TASK DIRECTIONS. Give only the number of lines in the following entries where "Precast" appears.

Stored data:
──────────────────────────────

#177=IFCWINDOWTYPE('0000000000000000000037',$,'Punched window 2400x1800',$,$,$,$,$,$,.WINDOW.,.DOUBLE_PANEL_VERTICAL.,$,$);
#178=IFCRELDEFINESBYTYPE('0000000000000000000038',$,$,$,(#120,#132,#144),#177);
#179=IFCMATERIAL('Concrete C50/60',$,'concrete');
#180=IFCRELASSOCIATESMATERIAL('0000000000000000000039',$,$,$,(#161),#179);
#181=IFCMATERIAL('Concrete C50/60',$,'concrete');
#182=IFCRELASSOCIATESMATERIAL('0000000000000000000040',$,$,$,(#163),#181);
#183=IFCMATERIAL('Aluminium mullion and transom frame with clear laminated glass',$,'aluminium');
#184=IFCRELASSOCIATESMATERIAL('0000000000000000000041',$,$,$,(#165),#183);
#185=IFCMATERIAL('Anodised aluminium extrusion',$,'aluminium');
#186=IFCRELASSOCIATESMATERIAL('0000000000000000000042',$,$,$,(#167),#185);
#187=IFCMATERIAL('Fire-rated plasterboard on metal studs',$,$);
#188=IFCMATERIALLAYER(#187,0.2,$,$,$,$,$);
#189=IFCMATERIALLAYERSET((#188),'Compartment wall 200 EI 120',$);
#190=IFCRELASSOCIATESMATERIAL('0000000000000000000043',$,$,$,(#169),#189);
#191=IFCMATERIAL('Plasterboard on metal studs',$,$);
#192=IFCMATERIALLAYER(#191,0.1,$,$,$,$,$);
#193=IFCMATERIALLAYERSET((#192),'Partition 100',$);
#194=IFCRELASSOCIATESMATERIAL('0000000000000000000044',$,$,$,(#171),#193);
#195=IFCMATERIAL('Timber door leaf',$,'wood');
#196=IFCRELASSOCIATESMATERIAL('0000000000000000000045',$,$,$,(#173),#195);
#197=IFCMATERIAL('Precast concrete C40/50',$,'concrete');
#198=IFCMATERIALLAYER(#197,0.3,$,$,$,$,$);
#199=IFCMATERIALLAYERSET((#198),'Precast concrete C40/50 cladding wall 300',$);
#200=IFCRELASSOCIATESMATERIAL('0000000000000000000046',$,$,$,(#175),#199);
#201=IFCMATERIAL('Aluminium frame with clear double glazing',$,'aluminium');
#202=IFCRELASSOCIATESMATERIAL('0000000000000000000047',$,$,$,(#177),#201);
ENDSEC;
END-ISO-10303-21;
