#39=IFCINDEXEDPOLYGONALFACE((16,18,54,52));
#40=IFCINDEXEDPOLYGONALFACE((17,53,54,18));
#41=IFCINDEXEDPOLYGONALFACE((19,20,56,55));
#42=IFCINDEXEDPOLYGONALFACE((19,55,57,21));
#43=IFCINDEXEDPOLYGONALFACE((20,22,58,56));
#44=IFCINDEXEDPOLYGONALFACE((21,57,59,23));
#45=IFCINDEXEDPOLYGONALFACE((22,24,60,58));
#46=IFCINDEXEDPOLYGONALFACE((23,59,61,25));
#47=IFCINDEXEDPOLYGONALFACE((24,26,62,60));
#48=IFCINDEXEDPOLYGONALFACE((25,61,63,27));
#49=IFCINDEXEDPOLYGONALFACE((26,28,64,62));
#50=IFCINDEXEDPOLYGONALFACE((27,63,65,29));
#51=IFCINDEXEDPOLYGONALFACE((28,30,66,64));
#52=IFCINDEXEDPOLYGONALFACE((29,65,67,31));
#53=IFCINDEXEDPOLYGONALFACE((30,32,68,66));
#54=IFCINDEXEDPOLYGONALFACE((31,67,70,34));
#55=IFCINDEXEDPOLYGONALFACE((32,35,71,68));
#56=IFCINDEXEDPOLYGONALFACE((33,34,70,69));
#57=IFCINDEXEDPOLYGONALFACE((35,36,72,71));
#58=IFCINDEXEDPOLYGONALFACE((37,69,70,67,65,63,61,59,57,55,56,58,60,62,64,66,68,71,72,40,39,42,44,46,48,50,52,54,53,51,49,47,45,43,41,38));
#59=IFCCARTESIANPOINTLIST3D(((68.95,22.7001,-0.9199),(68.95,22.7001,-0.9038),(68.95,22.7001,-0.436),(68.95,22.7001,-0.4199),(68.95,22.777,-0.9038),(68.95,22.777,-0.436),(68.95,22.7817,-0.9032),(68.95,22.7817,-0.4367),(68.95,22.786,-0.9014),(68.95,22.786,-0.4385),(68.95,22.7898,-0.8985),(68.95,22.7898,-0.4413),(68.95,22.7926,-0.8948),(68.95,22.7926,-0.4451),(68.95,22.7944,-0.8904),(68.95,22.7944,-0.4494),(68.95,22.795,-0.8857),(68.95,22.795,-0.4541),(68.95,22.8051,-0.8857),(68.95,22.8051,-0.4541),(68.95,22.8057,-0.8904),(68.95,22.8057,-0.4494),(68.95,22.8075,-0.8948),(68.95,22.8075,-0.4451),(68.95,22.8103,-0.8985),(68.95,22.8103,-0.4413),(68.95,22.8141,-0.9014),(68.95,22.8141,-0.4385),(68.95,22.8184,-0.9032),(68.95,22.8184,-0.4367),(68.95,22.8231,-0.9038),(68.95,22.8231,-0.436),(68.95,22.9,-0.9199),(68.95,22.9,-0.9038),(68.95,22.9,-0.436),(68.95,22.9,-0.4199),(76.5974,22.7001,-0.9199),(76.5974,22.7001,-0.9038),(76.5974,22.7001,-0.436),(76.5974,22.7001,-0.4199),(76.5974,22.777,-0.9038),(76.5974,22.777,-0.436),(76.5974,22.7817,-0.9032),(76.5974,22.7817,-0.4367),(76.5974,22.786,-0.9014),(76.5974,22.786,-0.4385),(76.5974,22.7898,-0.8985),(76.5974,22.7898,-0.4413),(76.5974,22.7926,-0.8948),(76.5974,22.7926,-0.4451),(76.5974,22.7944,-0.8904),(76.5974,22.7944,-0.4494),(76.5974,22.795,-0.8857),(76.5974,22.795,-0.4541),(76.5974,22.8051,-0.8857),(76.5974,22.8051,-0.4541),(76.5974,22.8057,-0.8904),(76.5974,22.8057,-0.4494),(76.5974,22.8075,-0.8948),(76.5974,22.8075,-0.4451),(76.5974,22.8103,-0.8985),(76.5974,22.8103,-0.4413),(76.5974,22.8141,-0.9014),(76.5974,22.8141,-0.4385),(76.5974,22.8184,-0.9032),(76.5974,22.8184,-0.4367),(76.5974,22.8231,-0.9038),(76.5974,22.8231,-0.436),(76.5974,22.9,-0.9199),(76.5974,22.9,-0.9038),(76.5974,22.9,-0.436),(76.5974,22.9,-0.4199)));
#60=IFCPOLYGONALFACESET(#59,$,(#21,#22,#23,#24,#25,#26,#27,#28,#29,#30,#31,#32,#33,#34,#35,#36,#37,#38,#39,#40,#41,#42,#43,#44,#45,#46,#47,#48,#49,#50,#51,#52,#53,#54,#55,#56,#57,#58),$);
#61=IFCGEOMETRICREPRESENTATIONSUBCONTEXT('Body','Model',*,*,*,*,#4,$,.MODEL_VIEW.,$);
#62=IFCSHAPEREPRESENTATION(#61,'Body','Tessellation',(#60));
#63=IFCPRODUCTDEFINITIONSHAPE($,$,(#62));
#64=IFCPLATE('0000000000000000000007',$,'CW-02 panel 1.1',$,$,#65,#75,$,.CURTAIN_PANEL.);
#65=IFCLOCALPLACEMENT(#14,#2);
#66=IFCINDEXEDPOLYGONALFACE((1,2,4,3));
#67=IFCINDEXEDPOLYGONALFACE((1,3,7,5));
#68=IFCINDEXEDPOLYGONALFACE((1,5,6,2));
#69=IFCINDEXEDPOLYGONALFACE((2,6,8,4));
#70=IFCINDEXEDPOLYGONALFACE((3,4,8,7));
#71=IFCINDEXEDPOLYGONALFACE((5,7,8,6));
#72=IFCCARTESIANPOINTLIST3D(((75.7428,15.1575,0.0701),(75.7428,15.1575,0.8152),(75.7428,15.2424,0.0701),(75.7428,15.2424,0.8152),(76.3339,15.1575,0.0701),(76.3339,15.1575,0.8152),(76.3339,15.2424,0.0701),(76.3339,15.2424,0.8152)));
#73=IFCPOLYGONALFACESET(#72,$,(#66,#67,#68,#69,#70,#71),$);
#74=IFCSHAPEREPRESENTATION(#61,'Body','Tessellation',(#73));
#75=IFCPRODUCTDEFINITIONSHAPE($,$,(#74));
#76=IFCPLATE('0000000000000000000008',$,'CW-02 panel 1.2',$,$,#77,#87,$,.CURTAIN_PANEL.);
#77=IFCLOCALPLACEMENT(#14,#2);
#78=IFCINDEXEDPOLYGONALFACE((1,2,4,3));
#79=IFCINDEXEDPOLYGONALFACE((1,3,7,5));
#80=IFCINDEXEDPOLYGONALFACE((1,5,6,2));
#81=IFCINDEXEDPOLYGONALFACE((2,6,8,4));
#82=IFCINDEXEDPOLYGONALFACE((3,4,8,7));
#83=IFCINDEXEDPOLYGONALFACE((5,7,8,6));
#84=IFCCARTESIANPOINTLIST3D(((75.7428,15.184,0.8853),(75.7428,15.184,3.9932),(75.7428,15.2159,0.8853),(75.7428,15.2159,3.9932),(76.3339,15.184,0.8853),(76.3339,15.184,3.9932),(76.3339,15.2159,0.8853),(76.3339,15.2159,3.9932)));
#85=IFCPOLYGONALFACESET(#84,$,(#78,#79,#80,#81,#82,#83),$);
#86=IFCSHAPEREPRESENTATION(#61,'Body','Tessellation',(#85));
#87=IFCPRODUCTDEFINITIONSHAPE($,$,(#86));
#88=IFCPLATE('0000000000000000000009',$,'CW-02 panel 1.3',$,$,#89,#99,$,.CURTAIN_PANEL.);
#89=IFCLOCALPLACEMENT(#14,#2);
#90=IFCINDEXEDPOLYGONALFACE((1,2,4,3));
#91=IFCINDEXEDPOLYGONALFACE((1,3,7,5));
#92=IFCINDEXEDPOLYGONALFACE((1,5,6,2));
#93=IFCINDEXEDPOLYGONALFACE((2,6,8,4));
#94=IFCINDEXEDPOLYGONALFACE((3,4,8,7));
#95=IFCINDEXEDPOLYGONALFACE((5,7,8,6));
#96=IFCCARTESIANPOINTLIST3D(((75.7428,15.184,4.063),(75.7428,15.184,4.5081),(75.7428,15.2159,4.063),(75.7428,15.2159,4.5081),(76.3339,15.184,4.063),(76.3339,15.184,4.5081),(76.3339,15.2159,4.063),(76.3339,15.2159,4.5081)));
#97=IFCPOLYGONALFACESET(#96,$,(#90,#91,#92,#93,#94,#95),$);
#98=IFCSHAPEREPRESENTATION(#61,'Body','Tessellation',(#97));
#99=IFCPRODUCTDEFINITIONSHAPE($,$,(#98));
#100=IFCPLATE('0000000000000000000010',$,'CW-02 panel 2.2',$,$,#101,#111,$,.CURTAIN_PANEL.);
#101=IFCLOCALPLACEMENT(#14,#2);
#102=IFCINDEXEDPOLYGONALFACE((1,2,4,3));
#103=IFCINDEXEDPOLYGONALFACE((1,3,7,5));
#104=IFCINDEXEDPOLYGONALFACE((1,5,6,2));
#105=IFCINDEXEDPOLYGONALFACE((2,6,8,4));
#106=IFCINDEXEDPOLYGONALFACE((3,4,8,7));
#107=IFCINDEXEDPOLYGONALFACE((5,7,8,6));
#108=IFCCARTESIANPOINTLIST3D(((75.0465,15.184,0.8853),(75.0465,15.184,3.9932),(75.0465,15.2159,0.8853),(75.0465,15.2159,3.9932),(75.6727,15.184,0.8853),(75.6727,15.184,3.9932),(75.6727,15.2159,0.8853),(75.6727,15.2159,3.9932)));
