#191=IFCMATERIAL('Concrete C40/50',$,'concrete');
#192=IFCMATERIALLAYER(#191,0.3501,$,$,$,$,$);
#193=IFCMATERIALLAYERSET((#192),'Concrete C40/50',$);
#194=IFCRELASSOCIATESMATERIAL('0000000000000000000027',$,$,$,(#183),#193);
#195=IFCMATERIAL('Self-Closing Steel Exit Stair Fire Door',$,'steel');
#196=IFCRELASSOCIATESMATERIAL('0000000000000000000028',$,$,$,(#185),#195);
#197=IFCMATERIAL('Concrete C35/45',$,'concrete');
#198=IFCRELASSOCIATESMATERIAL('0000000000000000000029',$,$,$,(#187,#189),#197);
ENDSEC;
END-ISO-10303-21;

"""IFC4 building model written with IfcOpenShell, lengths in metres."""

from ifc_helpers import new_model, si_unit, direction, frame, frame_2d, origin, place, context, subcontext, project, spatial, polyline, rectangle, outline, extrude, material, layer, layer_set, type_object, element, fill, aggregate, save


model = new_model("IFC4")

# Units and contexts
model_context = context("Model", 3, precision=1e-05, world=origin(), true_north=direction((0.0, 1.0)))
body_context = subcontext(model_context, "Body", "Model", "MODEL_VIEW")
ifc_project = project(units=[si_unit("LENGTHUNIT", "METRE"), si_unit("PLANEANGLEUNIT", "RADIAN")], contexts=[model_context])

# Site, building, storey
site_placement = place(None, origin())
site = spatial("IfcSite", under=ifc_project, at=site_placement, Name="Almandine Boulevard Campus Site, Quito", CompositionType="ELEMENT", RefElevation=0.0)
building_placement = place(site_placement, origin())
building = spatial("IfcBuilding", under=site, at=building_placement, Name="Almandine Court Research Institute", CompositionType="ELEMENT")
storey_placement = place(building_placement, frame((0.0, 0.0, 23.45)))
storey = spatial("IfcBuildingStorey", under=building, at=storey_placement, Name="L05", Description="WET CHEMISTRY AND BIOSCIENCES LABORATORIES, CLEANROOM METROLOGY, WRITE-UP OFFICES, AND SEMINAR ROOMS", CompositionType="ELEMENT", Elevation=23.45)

──────────────────────────────

YOUR SOLUTION. 2